---------- DATA FOR THIS EXERCISE
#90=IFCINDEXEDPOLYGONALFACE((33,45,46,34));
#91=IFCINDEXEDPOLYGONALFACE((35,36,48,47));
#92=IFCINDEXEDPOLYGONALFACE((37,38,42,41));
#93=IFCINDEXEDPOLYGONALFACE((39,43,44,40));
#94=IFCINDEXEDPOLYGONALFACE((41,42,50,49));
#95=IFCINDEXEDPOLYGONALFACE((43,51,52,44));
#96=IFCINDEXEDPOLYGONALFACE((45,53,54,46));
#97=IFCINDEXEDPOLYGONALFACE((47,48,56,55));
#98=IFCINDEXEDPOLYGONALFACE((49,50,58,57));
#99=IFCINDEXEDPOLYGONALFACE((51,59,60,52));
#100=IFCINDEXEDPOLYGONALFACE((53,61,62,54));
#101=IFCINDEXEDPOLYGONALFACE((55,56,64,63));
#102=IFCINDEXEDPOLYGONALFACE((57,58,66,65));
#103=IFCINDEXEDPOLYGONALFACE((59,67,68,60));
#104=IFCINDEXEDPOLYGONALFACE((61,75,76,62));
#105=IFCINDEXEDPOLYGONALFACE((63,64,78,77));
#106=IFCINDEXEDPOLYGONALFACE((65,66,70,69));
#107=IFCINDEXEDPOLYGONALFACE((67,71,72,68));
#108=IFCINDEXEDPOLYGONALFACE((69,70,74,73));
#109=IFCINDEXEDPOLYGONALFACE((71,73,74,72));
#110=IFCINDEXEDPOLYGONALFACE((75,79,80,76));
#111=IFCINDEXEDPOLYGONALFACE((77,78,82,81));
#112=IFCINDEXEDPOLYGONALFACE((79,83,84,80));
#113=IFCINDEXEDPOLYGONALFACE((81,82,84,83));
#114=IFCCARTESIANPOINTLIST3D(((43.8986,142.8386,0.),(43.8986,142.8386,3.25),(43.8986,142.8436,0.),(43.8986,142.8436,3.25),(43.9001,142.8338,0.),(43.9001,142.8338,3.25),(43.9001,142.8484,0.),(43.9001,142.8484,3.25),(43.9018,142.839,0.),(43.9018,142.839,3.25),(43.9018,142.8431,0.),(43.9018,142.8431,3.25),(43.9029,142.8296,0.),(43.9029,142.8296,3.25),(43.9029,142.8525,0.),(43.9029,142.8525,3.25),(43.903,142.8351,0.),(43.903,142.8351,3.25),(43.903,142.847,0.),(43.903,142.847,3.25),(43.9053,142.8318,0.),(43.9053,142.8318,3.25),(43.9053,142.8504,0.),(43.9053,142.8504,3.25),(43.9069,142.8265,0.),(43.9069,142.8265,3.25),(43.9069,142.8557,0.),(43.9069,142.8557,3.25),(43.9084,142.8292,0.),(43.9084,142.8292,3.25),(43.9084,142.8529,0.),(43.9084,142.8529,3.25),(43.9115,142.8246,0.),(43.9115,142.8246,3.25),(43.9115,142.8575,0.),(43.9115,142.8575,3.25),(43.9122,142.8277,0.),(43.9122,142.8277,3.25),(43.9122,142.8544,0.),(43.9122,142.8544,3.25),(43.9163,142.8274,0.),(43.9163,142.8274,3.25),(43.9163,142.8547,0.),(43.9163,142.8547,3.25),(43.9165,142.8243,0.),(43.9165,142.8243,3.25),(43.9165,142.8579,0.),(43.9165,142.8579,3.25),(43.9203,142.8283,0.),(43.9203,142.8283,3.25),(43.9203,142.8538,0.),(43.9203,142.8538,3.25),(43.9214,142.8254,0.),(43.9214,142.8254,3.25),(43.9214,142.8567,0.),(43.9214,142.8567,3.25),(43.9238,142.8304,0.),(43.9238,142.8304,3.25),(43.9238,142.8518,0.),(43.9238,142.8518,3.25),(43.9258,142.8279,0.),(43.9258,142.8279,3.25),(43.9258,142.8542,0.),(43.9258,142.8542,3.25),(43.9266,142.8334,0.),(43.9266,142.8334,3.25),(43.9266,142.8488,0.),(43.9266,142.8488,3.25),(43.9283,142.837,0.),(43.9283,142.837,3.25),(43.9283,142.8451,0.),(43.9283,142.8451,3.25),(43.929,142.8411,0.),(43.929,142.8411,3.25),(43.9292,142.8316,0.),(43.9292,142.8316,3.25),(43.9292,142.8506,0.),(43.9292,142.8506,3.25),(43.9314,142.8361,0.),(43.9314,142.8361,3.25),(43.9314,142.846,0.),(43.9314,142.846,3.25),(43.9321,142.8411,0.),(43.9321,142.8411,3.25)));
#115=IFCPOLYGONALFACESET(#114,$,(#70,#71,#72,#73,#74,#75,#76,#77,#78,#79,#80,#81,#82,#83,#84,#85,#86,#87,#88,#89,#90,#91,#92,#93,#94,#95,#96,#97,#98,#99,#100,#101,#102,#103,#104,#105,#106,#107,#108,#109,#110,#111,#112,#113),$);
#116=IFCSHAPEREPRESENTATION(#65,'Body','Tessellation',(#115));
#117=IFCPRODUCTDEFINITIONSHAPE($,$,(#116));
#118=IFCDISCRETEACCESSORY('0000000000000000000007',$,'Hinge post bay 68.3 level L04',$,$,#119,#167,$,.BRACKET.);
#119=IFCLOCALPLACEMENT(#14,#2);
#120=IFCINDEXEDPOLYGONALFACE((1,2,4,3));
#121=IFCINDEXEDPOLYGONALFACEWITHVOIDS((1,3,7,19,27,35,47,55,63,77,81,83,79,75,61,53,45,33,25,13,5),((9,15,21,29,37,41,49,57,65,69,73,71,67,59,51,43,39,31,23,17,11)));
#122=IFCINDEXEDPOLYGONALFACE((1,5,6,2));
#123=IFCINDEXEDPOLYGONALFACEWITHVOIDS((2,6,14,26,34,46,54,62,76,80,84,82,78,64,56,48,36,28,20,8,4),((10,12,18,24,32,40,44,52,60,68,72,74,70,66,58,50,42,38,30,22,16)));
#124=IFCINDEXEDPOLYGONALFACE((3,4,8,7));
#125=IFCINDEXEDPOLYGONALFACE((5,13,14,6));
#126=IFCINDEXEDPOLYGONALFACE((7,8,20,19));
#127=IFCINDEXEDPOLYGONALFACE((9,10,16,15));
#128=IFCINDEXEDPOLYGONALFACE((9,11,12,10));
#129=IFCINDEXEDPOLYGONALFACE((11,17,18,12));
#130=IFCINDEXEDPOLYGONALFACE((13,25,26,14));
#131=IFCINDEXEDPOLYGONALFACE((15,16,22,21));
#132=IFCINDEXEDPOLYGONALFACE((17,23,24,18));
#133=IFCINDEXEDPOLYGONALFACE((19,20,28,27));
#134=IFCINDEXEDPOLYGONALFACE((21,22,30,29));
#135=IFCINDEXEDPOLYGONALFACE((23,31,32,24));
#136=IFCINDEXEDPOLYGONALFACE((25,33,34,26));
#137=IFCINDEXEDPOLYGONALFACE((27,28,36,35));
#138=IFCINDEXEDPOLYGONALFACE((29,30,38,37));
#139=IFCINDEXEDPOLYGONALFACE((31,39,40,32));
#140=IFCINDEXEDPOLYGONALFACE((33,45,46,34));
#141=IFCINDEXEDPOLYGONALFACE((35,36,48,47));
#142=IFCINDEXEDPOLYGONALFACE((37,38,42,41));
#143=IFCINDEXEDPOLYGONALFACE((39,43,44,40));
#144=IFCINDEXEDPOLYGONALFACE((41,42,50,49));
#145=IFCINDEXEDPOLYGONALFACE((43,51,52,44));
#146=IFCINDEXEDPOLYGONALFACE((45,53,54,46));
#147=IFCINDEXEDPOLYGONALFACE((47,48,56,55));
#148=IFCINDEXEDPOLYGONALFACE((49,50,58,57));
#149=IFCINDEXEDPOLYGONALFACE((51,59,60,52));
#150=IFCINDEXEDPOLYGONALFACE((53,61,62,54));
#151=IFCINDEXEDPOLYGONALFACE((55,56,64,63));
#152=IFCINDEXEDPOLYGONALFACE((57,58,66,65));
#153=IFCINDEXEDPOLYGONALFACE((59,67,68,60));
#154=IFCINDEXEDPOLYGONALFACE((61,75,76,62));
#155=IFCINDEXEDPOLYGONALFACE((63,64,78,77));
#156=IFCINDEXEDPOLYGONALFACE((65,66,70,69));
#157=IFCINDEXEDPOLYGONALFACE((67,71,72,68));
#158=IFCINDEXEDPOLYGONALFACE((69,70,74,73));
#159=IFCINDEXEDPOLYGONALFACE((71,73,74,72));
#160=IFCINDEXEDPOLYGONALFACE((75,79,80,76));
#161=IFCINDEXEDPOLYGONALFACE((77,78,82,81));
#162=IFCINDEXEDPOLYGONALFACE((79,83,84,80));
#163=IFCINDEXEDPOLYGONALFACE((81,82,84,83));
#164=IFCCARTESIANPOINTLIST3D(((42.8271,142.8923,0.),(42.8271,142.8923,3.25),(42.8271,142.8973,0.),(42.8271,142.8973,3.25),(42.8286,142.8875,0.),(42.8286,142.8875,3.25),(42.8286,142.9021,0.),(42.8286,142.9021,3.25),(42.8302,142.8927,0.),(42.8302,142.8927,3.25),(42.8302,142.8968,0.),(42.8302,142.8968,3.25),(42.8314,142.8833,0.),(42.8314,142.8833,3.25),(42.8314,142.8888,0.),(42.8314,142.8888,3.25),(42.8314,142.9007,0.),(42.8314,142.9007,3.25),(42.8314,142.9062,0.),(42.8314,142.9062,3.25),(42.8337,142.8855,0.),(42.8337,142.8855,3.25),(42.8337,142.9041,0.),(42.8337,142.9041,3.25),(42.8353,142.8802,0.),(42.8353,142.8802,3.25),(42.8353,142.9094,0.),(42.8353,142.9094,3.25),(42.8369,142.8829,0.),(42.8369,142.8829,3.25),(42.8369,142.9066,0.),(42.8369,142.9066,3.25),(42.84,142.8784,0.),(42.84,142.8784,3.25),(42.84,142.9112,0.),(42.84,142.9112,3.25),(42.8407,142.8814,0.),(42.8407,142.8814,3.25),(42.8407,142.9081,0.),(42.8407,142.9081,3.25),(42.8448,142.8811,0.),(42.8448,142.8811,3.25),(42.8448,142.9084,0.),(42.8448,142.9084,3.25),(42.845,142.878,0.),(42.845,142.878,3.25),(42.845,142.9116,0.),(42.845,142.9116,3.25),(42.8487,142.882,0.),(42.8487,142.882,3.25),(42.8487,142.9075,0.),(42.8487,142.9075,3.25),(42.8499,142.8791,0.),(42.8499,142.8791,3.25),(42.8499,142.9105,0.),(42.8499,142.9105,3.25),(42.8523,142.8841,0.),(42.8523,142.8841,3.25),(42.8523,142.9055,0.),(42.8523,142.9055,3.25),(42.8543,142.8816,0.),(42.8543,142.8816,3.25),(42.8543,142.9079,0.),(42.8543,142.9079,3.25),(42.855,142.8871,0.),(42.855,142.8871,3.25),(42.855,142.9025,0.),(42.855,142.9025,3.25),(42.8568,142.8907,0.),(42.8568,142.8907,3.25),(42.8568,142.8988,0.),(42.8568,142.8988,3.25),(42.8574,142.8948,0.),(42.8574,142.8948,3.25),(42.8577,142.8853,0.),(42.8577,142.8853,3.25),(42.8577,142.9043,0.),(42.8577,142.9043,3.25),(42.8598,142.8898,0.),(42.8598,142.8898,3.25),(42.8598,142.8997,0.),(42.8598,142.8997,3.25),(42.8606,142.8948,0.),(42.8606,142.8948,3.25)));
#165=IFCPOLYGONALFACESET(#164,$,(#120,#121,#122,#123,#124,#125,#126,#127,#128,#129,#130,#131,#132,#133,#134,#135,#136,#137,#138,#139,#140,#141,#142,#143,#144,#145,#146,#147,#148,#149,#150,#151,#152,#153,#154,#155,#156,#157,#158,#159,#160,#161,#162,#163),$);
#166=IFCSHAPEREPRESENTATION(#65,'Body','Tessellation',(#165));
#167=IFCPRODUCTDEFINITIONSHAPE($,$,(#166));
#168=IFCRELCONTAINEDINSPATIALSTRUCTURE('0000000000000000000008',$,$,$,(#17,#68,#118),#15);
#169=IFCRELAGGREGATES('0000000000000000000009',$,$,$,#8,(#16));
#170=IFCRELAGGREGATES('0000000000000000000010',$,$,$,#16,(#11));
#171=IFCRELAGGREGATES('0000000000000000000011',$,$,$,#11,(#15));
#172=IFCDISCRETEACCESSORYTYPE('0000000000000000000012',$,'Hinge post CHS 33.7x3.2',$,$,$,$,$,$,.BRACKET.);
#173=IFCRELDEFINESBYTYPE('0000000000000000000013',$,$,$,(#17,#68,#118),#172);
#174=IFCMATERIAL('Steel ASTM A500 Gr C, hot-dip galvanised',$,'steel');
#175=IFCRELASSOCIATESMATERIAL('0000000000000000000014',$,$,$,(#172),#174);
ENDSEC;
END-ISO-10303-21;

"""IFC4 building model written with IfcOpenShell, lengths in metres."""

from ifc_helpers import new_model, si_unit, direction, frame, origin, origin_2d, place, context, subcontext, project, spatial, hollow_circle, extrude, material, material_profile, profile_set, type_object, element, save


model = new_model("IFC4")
--------------------
Taking the entries above, print exactly the lines starting at the line with "#107=IFCINDEXEDPOLYGONALFACE((67,71,72,68));" and ending at the line with "#113=IFCINDEXEDPOLYGONALFACE((81,82,84,83));", both included.

#107=IFCINDEXEDPOLYGONALFACE((67,71,72,68));
#108=IFCINDEXEDPOLYGONALFACE((69,70,74,73));
#109=IFCINDEXEDPOLYGONALFACE((71,73,74,72));
#110=IFCINDEXEDPOLYGONALFACE((75,79,80,76));
#111=IFCINDEXEDPOLYGONALFACE((77,78,82,81));
#112=IFCINDEXEDPOLYGONALFACE((79,83,84,80));
#113=IFCINDEXEDPOLYGONALFACE((81,82,84,83));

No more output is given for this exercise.